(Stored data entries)
▬▬▬▬▬▬▬▬▬▬

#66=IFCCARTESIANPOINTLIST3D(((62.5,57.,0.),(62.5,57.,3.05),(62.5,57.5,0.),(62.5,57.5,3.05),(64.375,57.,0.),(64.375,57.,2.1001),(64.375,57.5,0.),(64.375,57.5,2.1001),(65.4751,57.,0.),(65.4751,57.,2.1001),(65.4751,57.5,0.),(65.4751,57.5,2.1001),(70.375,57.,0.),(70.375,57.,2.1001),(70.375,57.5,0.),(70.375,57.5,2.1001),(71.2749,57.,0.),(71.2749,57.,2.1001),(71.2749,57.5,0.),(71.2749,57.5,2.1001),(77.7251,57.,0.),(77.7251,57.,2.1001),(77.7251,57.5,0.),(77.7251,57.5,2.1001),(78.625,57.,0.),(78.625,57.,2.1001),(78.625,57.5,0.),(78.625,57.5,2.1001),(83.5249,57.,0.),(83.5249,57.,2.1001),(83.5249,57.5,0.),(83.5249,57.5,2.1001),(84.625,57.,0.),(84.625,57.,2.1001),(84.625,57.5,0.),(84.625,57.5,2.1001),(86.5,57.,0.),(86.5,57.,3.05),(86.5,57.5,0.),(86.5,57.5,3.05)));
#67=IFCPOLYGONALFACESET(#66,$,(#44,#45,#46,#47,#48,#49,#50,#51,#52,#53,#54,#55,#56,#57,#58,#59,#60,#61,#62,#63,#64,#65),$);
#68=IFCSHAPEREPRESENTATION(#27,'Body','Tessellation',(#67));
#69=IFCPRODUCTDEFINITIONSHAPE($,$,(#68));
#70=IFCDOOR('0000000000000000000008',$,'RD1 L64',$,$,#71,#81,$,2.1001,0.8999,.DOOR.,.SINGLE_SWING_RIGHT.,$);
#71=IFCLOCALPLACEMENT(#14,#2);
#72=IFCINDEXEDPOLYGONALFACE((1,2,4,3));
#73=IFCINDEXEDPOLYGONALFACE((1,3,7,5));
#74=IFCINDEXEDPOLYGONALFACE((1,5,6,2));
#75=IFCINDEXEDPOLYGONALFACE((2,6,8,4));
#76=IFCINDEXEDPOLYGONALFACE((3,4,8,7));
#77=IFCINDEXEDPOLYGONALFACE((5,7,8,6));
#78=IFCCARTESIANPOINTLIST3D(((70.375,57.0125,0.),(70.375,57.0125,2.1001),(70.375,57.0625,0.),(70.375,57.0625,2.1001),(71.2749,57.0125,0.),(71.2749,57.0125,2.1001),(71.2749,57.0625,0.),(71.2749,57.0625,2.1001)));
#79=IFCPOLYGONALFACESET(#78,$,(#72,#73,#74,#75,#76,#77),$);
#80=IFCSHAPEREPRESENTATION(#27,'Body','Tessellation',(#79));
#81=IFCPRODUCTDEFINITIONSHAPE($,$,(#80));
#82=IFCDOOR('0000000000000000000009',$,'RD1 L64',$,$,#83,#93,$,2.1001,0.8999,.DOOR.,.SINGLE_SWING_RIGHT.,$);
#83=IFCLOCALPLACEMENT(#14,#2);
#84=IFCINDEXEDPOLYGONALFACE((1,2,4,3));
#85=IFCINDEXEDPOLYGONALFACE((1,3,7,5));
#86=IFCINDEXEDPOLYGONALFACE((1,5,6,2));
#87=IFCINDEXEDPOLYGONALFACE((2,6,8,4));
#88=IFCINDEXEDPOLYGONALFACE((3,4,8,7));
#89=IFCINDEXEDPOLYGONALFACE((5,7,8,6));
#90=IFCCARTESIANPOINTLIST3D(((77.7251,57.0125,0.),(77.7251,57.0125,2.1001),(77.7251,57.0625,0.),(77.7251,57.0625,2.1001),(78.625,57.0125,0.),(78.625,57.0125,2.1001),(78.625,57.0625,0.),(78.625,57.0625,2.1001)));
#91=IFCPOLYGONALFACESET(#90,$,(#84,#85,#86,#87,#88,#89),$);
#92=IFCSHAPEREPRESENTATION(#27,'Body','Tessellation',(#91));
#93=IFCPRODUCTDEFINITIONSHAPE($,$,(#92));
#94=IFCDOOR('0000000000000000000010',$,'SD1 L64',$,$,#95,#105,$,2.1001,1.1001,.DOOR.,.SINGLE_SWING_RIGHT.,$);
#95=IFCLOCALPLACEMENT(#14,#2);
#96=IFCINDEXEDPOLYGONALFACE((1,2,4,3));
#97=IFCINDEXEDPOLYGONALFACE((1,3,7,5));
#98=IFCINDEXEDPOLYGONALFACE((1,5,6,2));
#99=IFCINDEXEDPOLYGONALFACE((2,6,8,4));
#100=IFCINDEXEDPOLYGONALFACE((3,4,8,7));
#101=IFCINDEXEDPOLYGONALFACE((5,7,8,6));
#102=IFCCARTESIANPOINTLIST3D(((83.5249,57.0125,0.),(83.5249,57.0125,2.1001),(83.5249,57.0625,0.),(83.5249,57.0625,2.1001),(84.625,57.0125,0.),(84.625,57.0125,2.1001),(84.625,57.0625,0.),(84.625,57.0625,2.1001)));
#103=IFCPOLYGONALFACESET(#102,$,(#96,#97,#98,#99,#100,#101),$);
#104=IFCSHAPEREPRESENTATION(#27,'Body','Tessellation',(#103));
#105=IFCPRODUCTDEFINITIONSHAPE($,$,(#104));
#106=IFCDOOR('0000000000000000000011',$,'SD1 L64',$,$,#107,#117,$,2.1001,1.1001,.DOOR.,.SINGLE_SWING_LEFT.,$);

▬▬▬▬▬▬▬▬▬▬

Each record, from first to last, should be returned verbatim.

# Finished task:
#66=IFCCARTESIANPOINTLIST3D(((62.5,57.,0.),(62.5,57.,3.05),(62.5,57.5,0.),(62.5,57.5,3.05),(64.375,57.,0.),(64.375,57.,2.1001),(64.375,57.5,0.),(64.375,57.5,2.1001),(65.4751,57.,0.),(65.4751,57.,2.1001),(65.4751,57.5,0.),(65.4751,57.5,2.1001),(70.375,57.,0.),(70.375,57.,2.1001),(70.375,57.5,0.),(70.375,57.5,2.1001),(71.2749,57.,0.),(71.2749,57.,2.1001),(71.2749,57.5,0.),(71.2749,57.5,2.1001),(77.7251,57.,0.),(77.7251,57.,2.1001),(77.7251,57.5,0.),(77.7251,57.5,2.1001),(78.625,57.,0.),(78.625,57.,2.1001),(78.625,57.5,0.),(78.625,57.5,2.1001),(83.5249,57.,0.),(83.5249,57.,2.1001),(83.5249,57.5,0.),(83.5249,57.5,2.1001),(84.625,57.,0.),(84.625,57.,2.1001),(84.625,57.5,0.),(84.625,57.5,2.1001),(86.5,57.,0.),(86.5,57.,3.05),(86.5,57.5,0.),(86.5,57.5,3.05)));
#67=IFCPOLYGONALFACESET(#66,$,(#44,#45,#46,#47,#48,#49,#50,#51,#52,#53,#54,#55,#56,#57,#58,#59,#60,#61,#62,#63,#64,#65),$);
#68=IFCSHAPEREPRESENTATION(#27,'Body','Tessellation',(#67));
#69=IFCPRODUCTDEFINITIONSHAPE($,$,(#68));
#70=IFCDOOR('0000000000000000000008',$,'RD1 L64',$,$,#71,#81,$,2.1001,0.8999,.DOOR.,.SINGLE_SWING_RIGHT.,$);
#71=IFCLOCALPLACEMENT(#14,#2);
#72=IFCINDEXEDPOLYGONALFACE((1,2,4,3));
#73=IFCINDEXEDPOLYGONALFACE((1,3,7,5));
#74=IFCINDEXEDPOLYGONALFACE((1,5,6,2));
#75=IFCINDEXEDPOLYGONALFACE((2,6,8,4));
#76=IFCINDEXEDPOLYGONALFACE((3,4,8,7));
#77=IFCINDEXEDPOLYGONALFACE((5,7,8,6));
#78=IFCCARTESIANPOINTLIST3D(((70.375,57.0125,0.),(70.375,57.0125,2.1001),(70.375,57.0625,0.),(70.375,57.0625,2.1001),(71.2749,57.0125,0.),(71.2749,57.0125,2.1001),(71.2749,57.0625,0.),(71.2749,57.0625,2.1001)));
#79=IFCPOLYGONALFACESET(#78,$,(#72,#73,#74,#75,#76,#77),$);
#80=IFCSHAPEREPRESENTATION(#27,'Body','Tessellation',(#79));
#81=IFCPRODUCTDEFINITIONSHAPE($,$,(#80));
#82=IFCDOOR('0000000000000000000009',$,'RD1 L64',$,$,#83,#93,$,2.1001,0.8999,.DOOR.,.SINGLE_SWING_RIGHT.,$);
#83=IFCLOCALPLACEMENT(#14,#2);
#84=IFCINDEXEDPOLYGONALFACE((1,2,4,3));
#85=IFCINDEXEDPOLYGONALFACE((1,3,7,5));
#86=IFCINDEXEDPOLYGONALFACE((1,5,6,2));
#87=IFCINDEXEDPOLYGONALFACE((2,6,8,4));
#88=IFCINDEXEDPOLYGONALFACE((3,4,8,7));
#89=IFCINDEXEDPOLYGONALFACE((5,7,8,6));
#90=IFCCARTESIANPOINTLIST3D(((77.7251,57.0125,0.),(77.7251,57.0125,2.1001),(77.7251,57.0625,0.),(77.7251,57.0625,2.1001),(78.625,57.0125,0.),(78.625,57.0125,2.1001),(78.625,57.0625,0.),(78.625,57.0625,2.1001)));
#91=IFCPOLYGONALFACESET(#90,$,(#84,#85,#86,#87,#88,#89),$);
#92=IFCSHAPEREPRESENTATION(#27,'Body','Tessellation',(#91));
#93=IFCPRODUCTDEFINITIONSHAPE($,$,(#92));
#94=IFCDOOR('0000000000000000000010',$,'SD1 L64',$,$,#95,#105,$,2.1001,1.1001,.DOOR.,.SINGLE_SWING_RIGHT.,$);
#95=IFCLOCALPLACEMENT(#14,#2);
#96=IFCINDEXEDPOLYGONALFACE((1,2,4,3));
#97=IFCINDEXEDPOLYGONALFACE((1,3,7,5));
#98=IFCINDEXEDPOLYGONALFACE((1,5,6,2));
#99=IFCINDEXEDPOLYGONALFACE((2,6,8,4));
#100=IFCINDEXEDPOLYGONALFACE((3,4,8,7));
#101=IFCINDEXEDPOLYGONALFACE((5,7,8,6));
#102=IFCCARTESIANPOINTLIST3D(((83.5249,57.0125,0.),(83.5249,57.0125,2.1001),(83.5249,57.0625,0.),(83.5249,57.0625,2.1001),(84.625,57.0125,0.),(84.625,57.0125,2.1001),(84.625,57.0625,0.),(84.625,57.0625,2.1001)));
#103=IFCPOLYGONALFACESET(#102,$,(#96,#97,#98,#99,#100,#101),$);
#104=IFCSHAPEREPRESENTATION(#27,'Body','Tessellation',(#103));
#105=IFCPRODUCTDEFINITIONSHAPE($,$,(#104));
#106=IFCDOOR('0000000000000000000011',$,'SD1 L64',$,$,#107,#117,$,2.1001,1.1001,.DOOR.,.SINGLE_SWING_LEFT.,$);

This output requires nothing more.